- [Directions]: Could you return the lines below exactly, from the first line up to and including the line that holds "#121=IFCINDEXEDPOLYGONALFACE((5,7,8,6));"?

- [Supplied material]:
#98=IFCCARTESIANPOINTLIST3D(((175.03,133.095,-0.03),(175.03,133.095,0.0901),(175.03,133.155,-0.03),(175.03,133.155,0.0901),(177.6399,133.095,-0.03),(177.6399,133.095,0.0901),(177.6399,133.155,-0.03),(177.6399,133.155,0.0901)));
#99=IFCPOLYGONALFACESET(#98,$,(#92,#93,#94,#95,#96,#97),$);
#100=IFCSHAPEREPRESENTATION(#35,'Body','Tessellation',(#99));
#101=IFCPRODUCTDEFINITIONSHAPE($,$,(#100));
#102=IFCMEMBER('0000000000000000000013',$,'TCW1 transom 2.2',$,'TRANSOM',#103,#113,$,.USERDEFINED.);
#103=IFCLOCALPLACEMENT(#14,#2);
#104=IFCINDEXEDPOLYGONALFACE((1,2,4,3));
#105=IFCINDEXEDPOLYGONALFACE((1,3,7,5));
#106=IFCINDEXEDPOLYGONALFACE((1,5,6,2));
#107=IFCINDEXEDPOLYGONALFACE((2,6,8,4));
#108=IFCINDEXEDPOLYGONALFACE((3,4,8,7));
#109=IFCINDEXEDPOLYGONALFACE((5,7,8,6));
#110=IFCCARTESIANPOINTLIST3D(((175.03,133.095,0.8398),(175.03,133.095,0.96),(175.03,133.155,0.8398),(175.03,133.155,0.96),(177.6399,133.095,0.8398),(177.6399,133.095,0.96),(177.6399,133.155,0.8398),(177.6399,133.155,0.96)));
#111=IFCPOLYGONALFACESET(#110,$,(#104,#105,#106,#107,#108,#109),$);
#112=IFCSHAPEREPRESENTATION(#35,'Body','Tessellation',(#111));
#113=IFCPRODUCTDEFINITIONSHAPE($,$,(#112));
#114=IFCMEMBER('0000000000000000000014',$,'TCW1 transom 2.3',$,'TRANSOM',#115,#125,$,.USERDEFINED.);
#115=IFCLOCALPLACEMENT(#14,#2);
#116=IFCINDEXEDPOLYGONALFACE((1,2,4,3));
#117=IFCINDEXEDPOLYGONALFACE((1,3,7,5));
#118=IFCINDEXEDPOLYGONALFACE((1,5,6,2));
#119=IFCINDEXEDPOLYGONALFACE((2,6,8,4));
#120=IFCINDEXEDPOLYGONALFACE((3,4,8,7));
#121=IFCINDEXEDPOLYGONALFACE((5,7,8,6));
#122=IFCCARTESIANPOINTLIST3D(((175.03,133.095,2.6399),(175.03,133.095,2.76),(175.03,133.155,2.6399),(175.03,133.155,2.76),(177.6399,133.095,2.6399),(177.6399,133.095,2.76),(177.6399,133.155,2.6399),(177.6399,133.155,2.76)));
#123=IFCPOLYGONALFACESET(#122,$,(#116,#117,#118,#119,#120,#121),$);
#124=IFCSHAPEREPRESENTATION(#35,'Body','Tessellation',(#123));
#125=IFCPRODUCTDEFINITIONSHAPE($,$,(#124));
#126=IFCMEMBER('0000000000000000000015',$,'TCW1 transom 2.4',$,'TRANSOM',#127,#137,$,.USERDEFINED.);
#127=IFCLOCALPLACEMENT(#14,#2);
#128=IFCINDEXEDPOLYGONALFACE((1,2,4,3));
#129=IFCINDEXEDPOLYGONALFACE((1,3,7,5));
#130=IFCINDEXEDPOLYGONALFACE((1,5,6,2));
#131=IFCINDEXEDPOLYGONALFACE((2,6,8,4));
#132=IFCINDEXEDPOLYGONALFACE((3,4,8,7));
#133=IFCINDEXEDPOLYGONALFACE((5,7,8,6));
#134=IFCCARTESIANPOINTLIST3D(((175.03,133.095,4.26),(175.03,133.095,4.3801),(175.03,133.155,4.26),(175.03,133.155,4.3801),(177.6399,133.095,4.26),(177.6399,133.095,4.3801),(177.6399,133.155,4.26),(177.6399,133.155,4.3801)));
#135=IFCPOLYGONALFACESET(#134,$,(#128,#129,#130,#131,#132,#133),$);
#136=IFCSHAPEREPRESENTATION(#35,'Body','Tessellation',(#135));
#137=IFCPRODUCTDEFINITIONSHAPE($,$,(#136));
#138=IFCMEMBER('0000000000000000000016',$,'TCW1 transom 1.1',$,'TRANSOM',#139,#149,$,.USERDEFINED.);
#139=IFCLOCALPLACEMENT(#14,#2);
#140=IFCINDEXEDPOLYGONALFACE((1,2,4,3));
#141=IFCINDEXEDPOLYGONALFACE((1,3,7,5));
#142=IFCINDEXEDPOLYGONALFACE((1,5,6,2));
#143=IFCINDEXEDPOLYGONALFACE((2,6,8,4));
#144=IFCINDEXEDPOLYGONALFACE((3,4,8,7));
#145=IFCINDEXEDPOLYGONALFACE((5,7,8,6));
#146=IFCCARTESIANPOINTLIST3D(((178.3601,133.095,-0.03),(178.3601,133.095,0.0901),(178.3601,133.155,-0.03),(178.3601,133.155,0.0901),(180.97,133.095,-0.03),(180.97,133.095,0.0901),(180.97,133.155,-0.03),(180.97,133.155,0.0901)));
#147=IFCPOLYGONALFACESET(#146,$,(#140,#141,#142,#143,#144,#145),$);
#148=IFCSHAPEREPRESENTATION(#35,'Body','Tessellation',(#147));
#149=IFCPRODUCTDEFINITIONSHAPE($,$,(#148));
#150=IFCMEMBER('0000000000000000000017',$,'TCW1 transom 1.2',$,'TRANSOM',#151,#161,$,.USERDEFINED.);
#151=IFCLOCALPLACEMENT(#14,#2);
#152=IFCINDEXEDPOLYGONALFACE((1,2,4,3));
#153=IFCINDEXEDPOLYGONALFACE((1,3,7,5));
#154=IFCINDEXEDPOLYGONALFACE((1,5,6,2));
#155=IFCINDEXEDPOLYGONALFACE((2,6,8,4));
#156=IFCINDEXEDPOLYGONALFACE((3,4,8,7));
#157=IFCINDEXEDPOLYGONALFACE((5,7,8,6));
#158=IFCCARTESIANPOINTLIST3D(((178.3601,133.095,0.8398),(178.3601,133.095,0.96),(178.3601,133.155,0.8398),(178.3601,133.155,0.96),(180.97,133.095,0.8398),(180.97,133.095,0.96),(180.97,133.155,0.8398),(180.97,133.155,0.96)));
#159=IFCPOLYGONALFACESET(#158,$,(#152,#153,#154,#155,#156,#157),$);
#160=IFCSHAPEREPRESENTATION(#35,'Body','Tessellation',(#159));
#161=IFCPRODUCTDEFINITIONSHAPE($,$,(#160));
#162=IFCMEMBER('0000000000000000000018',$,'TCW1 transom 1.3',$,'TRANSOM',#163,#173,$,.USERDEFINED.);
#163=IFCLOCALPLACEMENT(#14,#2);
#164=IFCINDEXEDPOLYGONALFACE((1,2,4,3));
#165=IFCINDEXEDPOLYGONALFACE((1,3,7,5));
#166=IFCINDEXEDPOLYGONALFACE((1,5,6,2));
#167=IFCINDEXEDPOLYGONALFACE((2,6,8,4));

- [Task answer]:
#98=IFCCARTESIANPOINTLIST3D(((175.03,133.095,-0.03),(175.03,133.095,0.0901),(175.03,133.155,-0.03),(175.03,133.155,0.0901),(177.6399,133.095,-0.03),(177.6399,133.095,0.0901),(177.6399,133.155,-0.03),(177.6399,133.155,0.0901)));
#99=IFCPOLYGONALFACESET(#98,$,(#92,#93,#94,#95,#96,#97),$);
#100=IFCSHAPEREPRESENTATION(#35,'Body','Tessellation',(#99));
#101=IFCPRODUCTDEFINITIONSHAPE($,$,(#100));
#102=IFCMEMBER('0000000000000000000013',$,'TCW1 transom 2.2',$,'TRANSOM',#103,#113,$,.USERDEFINED.);
#103=IFCLOCALPLACEMENT(#14,#2);
#104=IFCINDEXEDPOLYGONALFACE((1,2,4,3));
#105=IFCINDEXEDPOLYGONALFACE((1,3,7,5));
#106=IFCINDEXEDPOLYGONALFACE((1,5,6,2));
#107=IFCINDEXEDPOLYGONALFACE((2,6,8,4));
#108=IFCINDEXEDPOLYGONALFACE((3,4,8,7));
#109=IFCINDEXEDPOLYGONALFACE((5,7,8,6));
#110=IFCCARTESIANPOINTLIST3D(((175.03,133.095,0.8398),(175.03,133.095,0.96),(175.03,133.155,0.8398),(175.03,133.155,0.96),(177.6399,133.095,0.8398),(177.6399,133.095,0.96),(177.6399,133.155,0.8398),(177.6399,133.155,0.96)));
#111=IFCPOLYGONALFACESET(#110,$,(#104,#105,#106,#107,#108,#109),$);
#112=IFCSHAPEREPRESENTATION(#35,'Body','Tessellation',(#111));
#113=IFCPRODUCTDEFINITIONSHAPE($,$,(#112));
#114=IFCMEMBER('0000000000000000000014',$,'TCW1 transom 2.3',$,'TRANSOM',#115,#125,$,.USERDEFINED.);
#115=IFCLOCALPLACEMENT(#14,#2);
#116=IFCINDEXEDPOLYGONALFACE((1,2,4,3));
#117=IFCINDEXEDPOLYGONALFACE((1,3,7,5));
#118=IFCINDEXEDPOLYGONALFACE((1,5,6,2));
#119=IFCINDEXEDPOLYGONALFACE((2,6,8,4));
#120=IFCINDEXEDPOLYGONALFACE((3,4,8,7));
#121=IFCINDEXEDPOLYGONALFACE((5,7,8,6));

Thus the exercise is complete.